YOUR INSTRUCTIONS | Check each line of the records below and collect those that include the word "IfcRelAggregates".

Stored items
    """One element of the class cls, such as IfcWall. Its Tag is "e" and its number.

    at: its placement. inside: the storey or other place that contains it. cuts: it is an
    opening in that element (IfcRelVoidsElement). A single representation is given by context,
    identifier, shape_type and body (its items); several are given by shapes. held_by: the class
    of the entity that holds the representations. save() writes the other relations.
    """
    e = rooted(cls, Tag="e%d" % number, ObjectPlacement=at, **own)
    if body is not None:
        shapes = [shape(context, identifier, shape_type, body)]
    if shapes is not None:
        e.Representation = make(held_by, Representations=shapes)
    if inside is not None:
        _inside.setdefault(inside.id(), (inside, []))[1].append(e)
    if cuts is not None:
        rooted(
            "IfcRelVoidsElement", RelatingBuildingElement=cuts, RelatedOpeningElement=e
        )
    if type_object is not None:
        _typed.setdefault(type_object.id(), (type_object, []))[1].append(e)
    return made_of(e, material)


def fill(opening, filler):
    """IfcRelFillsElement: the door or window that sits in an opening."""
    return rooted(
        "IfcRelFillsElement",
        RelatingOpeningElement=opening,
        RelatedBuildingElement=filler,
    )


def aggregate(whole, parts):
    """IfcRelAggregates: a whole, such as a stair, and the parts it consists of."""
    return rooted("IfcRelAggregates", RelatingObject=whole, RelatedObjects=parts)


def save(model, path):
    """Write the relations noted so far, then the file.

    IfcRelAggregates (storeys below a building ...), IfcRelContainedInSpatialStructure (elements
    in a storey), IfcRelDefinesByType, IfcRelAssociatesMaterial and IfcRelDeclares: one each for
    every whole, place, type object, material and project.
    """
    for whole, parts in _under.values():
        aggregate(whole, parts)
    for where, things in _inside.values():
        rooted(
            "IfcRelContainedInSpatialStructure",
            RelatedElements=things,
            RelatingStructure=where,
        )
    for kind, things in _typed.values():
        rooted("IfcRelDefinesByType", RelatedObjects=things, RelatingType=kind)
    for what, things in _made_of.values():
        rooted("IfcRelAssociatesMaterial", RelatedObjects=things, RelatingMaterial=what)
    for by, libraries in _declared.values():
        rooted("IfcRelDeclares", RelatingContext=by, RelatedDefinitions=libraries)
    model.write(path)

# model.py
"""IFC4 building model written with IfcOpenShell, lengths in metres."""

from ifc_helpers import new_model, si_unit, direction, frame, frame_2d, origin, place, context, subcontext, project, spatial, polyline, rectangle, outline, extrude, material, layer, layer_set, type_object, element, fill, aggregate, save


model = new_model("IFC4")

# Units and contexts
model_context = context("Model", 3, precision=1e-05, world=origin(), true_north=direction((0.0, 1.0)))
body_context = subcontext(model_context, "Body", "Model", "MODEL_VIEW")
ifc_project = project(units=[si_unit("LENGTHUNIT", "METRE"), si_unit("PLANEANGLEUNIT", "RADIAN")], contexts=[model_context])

WRITTEN RESPONSE |
    """IfcRelAggregates: a whole, such as a stair, and the parts it consists of."""
    return rooted("IfcRelAggregates", RelatingObject=whole, RelatedObjects=parts)
    IfcRelAggregates (storeys below a building ...), IfcRelContainedInSpatialStructure (elements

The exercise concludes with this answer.